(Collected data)
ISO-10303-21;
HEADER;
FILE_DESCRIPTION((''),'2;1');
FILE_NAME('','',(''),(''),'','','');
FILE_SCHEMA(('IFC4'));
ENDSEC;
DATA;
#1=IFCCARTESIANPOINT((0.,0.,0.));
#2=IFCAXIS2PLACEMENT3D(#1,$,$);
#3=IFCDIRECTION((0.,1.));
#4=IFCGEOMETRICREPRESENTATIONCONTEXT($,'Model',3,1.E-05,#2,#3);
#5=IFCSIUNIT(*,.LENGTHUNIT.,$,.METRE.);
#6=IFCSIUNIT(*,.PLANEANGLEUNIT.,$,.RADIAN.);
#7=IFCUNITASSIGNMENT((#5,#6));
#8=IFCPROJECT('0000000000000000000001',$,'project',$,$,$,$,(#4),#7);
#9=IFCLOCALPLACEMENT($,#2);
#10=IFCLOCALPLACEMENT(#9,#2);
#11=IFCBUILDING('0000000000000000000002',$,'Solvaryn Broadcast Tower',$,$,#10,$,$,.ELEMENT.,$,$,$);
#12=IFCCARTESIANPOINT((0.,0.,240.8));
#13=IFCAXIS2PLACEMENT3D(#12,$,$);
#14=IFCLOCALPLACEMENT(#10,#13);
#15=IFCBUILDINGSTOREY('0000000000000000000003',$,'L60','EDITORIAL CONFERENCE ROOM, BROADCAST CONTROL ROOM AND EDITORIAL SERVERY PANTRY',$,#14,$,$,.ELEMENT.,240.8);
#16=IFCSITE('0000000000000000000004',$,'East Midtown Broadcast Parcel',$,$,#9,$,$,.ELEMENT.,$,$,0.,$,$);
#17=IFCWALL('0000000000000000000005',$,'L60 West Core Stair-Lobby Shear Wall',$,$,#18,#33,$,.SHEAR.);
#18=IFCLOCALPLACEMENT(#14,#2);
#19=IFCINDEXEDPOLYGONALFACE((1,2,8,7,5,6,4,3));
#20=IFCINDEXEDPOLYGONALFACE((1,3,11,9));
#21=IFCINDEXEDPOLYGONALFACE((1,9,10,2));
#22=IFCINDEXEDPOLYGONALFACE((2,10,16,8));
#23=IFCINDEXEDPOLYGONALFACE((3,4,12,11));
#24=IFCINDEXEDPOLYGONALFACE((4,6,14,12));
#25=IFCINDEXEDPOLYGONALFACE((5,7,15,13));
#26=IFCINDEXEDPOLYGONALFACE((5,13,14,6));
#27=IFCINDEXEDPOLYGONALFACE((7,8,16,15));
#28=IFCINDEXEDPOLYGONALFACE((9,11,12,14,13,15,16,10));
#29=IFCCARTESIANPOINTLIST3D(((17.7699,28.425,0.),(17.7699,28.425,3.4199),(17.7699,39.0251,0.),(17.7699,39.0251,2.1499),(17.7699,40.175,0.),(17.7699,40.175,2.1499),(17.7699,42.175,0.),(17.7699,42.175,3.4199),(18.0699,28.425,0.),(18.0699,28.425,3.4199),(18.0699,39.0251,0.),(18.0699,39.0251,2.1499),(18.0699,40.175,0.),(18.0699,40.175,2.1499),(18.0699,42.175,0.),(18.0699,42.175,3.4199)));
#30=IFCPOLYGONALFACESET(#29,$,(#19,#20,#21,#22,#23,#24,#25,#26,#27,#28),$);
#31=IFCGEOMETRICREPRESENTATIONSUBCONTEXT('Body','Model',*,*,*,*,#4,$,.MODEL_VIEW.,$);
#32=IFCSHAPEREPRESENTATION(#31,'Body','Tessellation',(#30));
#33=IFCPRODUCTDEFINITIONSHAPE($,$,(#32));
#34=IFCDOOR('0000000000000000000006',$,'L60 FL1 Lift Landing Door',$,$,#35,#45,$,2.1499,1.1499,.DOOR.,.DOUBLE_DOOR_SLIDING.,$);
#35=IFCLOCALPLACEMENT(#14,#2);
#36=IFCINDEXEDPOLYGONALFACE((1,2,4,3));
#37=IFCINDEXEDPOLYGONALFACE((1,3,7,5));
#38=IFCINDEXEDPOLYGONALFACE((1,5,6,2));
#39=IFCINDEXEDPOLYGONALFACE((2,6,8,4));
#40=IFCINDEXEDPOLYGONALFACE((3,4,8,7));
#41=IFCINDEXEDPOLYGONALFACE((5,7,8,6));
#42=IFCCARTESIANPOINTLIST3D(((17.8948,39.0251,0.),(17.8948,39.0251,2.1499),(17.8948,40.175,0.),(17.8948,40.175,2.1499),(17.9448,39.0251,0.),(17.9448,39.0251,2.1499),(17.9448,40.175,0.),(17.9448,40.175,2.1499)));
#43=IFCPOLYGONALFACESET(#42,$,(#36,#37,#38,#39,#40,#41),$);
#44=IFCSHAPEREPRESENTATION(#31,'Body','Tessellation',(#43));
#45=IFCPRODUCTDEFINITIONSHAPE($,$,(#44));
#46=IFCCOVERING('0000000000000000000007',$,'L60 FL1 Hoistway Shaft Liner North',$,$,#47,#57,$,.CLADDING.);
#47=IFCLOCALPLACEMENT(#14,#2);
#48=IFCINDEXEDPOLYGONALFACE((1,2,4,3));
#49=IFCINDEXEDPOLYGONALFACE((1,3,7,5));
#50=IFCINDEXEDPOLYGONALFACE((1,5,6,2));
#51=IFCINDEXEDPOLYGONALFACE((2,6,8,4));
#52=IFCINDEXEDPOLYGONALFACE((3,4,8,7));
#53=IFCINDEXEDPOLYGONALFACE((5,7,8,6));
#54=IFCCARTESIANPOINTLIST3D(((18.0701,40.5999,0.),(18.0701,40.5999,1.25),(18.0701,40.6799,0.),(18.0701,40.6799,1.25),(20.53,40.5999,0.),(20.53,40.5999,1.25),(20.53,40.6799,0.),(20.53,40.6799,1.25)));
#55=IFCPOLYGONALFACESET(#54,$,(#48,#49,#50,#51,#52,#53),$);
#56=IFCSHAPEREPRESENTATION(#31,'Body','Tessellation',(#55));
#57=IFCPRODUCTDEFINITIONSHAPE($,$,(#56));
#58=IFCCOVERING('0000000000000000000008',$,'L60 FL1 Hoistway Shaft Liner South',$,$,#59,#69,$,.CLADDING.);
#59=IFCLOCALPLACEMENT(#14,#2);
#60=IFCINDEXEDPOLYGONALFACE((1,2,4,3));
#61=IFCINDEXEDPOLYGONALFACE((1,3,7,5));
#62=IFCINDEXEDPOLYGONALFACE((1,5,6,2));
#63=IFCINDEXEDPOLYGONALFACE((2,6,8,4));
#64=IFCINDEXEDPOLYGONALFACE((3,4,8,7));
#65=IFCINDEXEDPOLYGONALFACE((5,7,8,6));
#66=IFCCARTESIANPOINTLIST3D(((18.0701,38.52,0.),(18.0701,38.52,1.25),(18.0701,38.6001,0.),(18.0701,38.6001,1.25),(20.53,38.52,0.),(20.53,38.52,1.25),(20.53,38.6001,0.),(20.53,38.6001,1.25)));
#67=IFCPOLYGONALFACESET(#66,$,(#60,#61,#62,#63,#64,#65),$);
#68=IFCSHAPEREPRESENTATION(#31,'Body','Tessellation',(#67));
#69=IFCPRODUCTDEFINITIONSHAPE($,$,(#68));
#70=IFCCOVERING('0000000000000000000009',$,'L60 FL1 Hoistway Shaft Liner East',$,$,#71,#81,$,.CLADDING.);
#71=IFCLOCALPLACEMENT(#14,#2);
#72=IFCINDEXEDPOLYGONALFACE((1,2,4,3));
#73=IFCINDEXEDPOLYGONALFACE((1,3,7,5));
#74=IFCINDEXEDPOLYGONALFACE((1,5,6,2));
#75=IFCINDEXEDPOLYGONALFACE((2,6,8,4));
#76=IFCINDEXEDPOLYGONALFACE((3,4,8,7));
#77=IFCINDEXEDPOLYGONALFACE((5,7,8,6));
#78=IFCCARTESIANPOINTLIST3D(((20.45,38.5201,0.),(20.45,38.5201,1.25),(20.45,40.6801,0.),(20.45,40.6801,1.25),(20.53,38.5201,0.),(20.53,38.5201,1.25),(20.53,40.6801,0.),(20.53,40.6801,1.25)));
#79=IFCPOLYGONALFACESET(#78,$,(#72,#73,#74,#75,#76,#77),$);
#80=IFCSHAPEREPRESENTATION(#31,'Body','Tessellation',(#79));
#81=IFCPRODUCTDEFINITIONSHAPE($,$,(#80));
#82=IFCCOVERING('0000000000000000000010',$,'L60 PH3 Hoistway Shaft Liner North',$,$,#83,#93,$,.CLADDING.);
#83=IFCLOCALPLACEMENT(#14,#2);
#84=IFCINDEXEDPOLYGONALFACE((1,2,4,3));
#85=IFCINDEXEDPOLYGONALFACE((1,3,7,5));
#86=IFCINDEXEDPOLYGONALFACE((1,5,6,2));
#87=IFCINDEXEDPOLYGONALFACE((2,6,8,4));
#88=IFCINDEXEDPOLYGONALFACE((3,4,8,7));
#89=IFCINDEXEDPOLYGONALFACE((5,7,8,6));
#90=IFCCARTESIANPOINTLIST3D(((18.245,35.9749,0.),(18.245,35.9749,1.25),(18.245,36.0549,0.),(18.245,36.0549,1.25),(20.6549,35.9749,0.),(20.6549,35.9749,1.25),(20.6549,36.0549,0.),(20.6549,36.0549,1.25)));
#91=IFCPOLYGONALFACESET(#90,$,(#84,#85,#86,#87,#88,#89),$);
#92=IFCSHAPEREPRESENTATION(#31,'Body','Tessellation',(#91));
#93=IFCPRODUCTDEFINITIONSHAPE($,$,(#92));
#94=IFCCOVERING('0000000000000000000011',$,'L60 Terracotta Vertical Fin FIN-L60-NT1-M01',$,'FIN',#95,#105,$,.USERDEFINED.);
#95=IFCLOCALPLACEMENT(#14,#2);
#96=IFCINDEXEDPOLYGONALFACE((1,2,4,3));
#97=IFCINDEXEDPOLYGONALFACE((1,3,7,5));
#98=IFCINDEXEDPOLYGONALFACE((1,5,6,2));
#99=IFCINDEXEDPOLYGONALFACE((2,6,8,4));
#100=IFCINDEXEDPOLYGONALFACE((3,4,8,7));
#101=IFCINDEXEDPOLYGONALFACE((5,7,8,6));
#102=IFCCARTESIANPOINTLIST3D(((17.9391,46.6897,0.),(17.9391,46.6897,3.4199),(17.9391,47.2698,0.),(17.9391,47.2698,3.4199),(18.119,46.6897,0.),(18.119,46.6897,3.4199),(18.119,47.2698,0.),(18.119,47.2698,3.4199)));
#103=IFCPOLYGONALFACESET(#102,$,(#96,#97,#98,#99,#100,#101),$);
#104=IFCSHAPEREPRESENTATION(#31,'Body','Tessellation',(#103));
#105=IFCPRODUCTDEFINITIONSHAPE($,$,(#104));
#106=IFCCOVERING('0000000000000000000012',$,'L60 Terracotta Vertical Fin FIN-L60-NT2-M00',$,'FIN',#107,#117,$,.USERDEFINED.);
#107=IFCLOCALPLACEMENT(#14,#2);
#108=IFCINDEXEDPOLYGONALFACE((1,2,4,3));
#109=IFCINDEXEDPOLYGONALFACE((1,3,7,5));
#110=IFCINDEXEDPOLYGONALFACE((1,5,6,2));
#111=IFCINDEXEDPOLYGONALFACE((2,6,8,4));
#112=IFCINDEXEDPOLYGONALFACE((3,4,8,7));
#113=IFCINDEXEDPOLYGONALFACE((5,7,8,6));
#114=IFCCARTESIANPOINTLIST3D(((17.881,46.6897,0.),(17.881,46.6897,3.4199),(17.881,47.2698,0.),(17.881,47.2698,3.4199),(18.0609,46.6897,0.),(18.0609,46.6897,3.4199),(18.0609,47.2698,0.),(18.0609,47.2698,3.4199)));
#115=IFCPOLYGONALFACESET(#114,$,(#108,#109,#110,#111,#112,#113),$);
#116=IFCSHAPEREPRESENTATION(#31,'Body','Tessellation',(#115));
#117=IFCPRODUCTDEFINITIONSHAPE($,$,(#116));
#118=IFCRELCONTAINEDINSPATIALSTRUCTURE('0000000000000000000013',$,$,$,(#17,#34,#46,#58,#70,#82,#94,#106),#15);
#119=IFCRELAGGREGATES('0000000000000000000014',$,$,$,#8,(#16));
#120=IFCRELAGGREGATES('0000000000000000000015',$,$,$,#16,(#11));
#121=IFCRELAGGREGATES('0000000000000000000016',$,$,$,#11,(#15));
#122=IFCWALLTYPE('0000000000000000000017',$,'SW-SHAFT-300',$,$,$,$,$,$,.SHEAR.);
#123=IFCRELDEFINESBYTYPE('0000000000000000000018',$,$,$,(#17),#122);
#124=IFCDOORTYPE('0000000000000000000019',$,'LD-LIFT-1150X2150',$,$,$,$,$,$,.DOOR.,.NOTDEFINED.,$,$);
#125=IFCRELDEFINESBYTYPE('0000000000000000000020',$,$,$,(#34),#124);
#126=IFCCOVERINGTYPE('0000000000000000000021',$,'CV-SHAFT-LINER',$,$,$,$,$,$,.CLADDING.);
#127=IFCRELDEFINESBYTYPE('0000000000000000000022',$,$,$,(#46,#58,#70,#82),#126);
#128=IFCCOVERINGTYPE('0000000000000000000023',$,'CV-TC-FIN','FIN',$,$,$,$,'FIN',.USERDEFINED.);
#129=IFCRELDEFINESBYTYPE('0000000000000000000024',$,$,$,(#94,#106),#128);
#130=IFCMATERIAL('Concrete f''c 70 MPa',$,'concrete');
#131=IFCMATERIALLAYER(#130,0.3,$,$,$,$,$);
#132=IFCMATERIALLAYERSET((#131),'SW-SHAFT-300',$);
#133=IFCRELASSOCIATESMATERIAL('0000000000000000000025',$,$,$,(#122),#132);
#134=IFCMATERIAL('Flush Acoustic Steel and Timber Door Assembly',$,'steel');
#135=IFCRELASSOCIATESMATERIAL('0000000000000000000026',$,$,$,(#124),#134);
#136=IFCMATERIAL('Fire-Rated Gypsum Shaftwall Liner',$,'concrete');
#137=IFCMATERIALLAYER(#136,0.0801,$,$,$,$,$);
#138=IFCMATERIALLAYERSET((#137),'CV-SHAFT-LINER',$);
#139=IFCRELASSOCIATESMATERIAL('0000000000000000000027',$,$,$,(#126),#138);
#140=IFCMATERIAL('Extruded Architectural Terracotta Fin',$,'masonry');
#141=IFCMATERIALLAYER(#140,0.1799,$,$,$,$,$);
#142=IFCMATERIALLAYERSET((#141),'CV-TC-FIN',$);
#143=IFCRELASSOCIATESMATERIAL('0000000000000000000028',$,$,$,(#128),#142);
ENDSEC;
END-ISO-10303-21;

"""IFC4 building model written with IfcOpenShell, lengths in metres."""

from ifc_helpers import new_model, si_unit, direction, frame, frame_2d, origin, origin_2d, place, context, subcontext, project, spatial, rectangle, extrude, material, layer, layer_set, type_object, element, fill, save


model = new_model("IFC4")

# Units and contexts
model_context = context("Model", 3, precision=1e-05, world=origin(), true_north=direction((0.0, 1.0)))
body_context = subcontext(model_context, "Body", "Model", "MODEL_VIEW")
ifc_project = project(units=[si_unit("LENGTHUNIT", "METRE"), si_unit("PLANEANGLEUNIT", "RADIAN")], contexts=[model_context])

# Site, building, storey
site_placement = place(None, origin())
site = spatial("IfcSite", under=ifc_project, at=site_placement, Name="East Midtown Broadcast Parcel", CompositionType="ELEMENT", RefElevation=0.0)
building_placement = place(site_placement, origin())
building = spatial("IfcBuilding", under=site, at=building_placement, Name="Solvaryn Broadcast Tower", CompositionType="ELEMENT")
storey_placement = place(building_placement, frame((0.0, 0.0, 240.8)))
storey = spatial("IfcBuildingStorey", under=building, at=storey_placement, Name="L60", Description="EDITORIAL CONFERENCE ROOM, BROADCAST CONTROL ROOM AND EDITORIAL SERVERY PANTRY", CompositionType="ELEMENT", Elevation=240.8)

WHAT TO WORK ON: Would you report every line of the entries above containing the word "Terracotta"?

SOLUTION:
#94=IFCCOVERING('0000000000000000000011',$,'L60 Terracotta Vertical Fin FIN-L60-NT1-M01',$,'FIN',#95,#105,$,.USERDEFINED.);
#106=IFCCOVERING('0000000000000000000012',$,'L60 Terracotta Vertical Fin FIN-L60-NT2-M00',$,'FIN',#107,#117,$,.USERDEFINED.);
#140=IFCMATERIAL('Extruded Architectural Terracotta Fin',$,'masonry');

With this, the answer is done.